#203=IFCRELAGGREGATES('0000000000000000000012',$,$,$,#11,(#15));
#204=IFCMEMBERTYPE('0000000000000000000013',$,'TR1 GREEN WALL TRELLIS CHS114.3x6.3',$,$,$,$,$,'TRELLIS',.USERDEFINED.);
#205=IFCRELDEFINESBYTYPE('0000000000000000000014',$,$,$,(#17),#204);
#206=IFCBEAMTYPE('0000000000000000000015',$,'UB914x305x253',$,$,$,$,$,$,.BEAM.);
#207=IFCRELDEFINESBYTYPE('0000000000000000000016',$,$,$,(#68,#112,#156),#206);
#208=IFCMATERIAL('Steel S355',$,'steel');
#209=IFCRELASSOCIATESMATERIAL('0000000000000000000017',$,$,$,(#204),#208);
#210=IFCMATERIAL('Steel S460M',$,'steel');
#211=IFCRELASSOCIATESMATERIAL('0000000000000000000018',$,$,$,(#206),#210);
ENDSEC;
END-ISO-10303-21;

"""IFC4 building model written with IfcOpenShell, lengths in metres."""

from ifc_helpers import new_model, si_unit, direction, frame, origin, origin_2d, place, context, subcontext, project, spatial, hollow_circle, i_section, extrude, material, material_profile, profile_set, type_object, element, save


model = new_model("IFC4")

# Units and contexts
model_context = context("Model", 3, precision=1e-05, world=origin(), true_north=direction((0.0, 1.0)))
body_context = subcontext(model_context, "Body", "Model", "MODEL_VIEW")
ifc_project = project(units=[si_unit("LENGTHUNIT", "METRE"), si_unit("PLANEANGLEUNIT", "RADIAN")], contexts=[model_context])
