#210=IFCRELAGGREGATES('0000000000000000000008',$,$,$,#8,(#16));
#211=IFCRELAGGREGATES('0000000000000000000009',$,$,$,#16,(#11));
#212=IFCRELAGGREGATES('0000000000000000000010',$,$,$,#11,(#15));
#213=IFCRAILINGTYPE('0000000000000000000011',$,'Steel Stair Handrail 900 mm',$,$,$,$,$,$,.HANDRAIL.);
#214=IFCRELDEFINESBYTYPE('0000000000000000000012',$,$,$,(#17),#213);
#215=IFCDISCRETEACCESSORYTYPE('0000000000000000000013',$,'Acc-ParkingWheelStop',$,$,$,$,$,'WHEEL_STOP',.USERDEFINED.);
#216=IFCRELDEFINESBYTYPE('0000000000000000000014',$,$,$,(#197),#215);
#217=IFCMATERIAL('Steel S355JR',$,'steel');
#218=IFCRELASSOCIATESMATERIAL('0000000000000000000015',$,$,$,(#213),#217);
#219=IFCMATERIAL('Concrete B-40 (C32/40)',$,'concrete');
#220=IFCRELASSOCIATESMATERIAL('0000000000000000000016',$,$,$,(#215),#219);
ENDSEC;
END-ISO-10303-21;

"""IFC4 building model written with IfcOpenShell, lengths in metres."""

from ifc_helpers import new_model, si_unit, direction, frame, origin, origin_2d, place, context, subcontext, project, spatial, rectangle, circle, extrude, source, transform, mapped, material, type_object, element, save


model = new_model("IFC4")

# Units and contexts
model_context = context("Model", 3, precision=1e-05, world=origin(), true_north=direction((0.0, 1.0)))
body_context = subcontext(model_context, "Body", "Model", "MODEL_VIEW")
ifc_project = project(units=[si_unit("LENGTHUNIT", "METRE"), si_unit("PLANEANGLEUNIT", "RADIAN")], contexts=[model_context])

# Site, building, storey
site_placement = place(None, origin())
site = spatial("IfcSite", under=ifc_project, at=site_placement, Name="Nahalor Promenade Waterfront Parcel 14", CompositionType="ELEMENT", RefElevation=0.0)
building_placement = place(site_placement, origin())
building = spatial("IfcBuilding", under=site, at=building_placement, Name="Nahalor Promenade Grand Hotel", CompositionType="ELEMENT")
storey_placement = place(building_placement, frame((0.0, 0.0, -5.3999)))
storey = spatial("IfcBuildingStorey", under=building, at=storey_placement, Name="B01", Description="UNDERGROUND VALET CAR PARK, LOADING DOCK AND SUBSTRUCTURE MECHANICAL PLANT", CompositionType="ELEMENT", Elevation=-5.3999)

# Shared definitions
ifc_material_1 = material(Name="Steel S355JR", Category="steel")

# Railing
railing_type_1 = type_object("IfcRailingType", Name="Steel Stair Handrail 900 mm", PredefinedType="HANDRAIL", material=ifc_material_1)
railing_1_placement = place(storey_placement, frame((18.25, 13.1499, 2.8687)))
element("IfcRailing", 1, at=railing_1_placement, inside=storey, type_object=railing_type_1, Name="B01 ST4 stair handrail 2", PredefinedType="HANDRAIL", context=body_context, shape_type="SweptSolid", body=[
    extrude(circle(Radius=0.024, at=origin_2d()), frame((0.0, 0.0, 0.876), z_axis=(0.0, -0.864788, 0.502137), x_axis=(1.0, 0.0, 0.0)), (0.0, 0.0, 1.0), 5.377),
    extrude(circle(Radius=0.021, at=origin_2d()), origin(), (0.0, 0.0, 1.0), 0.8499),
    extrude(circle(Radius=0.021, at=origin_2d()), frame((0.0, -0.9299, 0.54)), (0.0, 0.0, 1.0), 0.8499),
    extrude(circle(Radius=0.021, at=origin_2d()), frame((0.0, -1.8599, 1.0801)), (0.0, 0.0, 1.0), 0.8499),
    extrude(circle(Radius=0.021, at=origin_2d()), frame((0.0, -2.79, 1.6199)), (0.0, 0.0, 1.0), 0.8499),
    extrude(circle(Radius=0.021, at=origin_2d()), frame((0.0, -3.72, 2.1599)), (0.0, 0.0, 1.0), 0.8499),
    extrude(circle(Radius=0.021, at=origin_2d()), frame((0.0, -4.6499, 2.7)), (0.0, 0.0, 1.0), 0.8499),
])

+++

Description of the task » Return all of the material above exactly as it stands.

The answer »
#203=IFCRELAGGREGATES('0000000000000000000012',$,$,$,#11,(#15));
#204=IFCMEMBERTYPE('0000000000000000000013',$,'TR1 GREEN WALL TRELLIS CHS114.3x6.3',$,$,$,$,$,'TRELLIS',.USERDEFINED.);
#205=IFCRELDEFINESBYTYPE('0000000000000000000014',$,$,$,(#17),#204);
#206=IFCBEAMTYPE('0000000000000000000015',$,'UB914x305x253',$,$,$,$,$,$,.BEAM.);
#207=IFCRELDEFINESBYTYPE('0000000000000000000016',$,$,$,(#68,#112,#156),#206);
#208=IFCMATERIAL('Steel S355',$,'steel');
#209=IFCRELASSOCIATESMATERIAL('0000000000000000000017',$,$,$,(#204),#208);
#210=IFCMATERIAL('Steel S460M',$,'steel');
#211=IFCRELASSOCIATESMATERIAL('0000000000000000000018',$,$,$,(#206),#210);
ENDSEC;
END-ISO-10303-21;

"""IFC4 building model written with IfcOpenShell, lengths in metres."""

from ifc_helpers import new_model, si_unit, direction, frame, origin, origin_2d, place, context, subcontext, project, spatial, hollow_circle, i_section, extrude, material, material_profile, profile_set, type_object, element, save


model = new_model("IFC4")

# Units and contexts
model_context = context("Model", 3, precision=1e-05, world=origin(), true_north=direction((0.0, 1.0)))
body_context = subcontext(model_context, "Body", "Model", "MODEL_VIEW")
ifc_project = project(units=[si_unit("LENGTHUNIT", "METRE"), si_unit("PLANEANGLEUNIT", "RADIAN")], contexts=[model_context])
#210=IFCRELAGGREGATES('0000000000000000000008',$,$,$,#8,(#16));
#211=IFCRELAGGREGATES('0000000000000000000009',$,$,$,#16,(#11));
#212=IFCRELAGGREGATES('0000000000000000000010',$,$,$,#11,(#15));
#213=IFCRAILINGTYPE('0000000000000000000011',$,'Steel Stair Handrail 900 mm',$,$,$,$,$,$,.HANDRAIL.);
#214=IFCRELDEFINESBYTYPE('0000000000000000000012',$,$,$,(#17),#213);
#215=IFCDISCRETEACCESSORYTYPE('0000000000000000000013',$,'Acc-ParkingWheelStop',$,$,$,$,$,'WHEEL_STOP',.USERDEFINED.);
#216=IFCRELDEFINESBYTYPE('0000000000000000000014',$,$,$,(#197),#215);
#217=IFCMATERIAL('Steel S355JR',$,'steel');
#218=IFCRELASSOCIATESMATERIAL('0000000000000000000015',$,$,$,(#213),#217);
#219=IFCMATERIAL('Concrete B-40 (C32/40)',$,'concrete');
#220=IFCRELASSOCIATESMATERIAL('0000000000000000000016',$,$,$,(#215),#219);
ENDSEC;
END-ISO-10303-21;

"""IFC4 building model written with IfcOpenShell, lengths in metres."""

from ifc_helpers import new_model, si_unit, direction, frame, origin, origin_2d, place, context, subcontext, project, spatial, rectangle, circle, extrude, source, transform, mapped, material, type_object, element, save


model = new_model("IFC4")

# Units and contexts
model_context = context("Model", 3, precision=1e-05, world=origin(), true_north=direction((0.0, 1.0)))
body_context = subcontext(model_context, "Body", "Model", "MODEL_VIEW")
ifc_project = project(units=[si_unit("LENGTHUNIT", "METRE"), si_unit("PLANEANGLEUNIT", "RADIAN")], contexts=[model_context])

# Site, building, storey
site_placement = place(None, origin())
site = spatial("IfcSite", under=ifc_project, at=site_placement, Name="Nahalor Promenade Waterfront Parcel 14", CompositionType="ELEMENT", RefElevation=0.0)
building_placement = place(site_placement, origin())
building = spatial("IfcBuilding", under=site, at=building_placement, Name="Nahalor Promenade Grand Hotel", CompositionType="ELEMENT")
storey_placement = place(building_placement, frame((0.0, 0.0, -5.3999)))
storey = spatial("IfcBuildingStorey", under=building, at=storey_placement, Name="B01", Description="UNDERGROUND VALET CAR PARK, LOADING DOCK AND SUBSTRUCTURE MECHANICAL PLANT", CompositionType="ELEMENT", Elevation=-5.3999)

# Shared definitions
ifc_material_1 = material(Name="Steel S355JR", Category="steel")

# Railing
railing_type_1 = type_object("IfcRailingType", Name="Steel Stair Handrail 900 mm", PredefinedType="HANDRAIL", material=ifc_material_1)
railing_1_placement = place(storey_placement, frame((18.25, 13.1499, 2.8687)))
element("IfcRailing", 1, at=railing_1_placement, inside=storey, type_object=railing_type_1, Name="B01 ST4 stair handrail 2", PredefinedType="HANDRAIL", context=body_context, shape_type="SweptSolid", body=[
    extrude(circle(Radius=0.024, at=origin_2d()), frame((0.0, 0.0, 0.876), z_axis=(0.0, -0.864788, 0.502137), x_axis=(1.0, 0.0, 0.0)), (0.0, 0.0, 1.0), 5.377),
    extrude(circle(Radius=0.021, at=origin_2d()), origin(), (0.0, 0.0, 1.0), 0.8499),
    extrude(circle(Radius=0.021, at=origin_2d()), frame((0.0, -0.9299, 0.54)), (0.0, 0.0, 1.0), 0.8499),
    extrude(circle(Radius=0.021, at=origin_2d()), frame((0.0, -1.8599, 1.0801)), (0.0, 0.0, 1.0), 0.8499),
    extrude(circle(Radius=0.021, at=origin_2d()), frame((0.0, -2.79, 1.6199)), (0.0, 0.0, 1.0), 0.8499),
    extrude(circle(Radius=0.021, at=origin_2d()), frame((0.0, -3.72, 2.1599)), (0.0, 0.0, 1.0), 0.8499),
    extrude(circle(Radius=0.021, at=origin_2d()), frame((0.0, -4.6499, 2.7)), (0.0, 0.0, 1.0), 0.8499),
])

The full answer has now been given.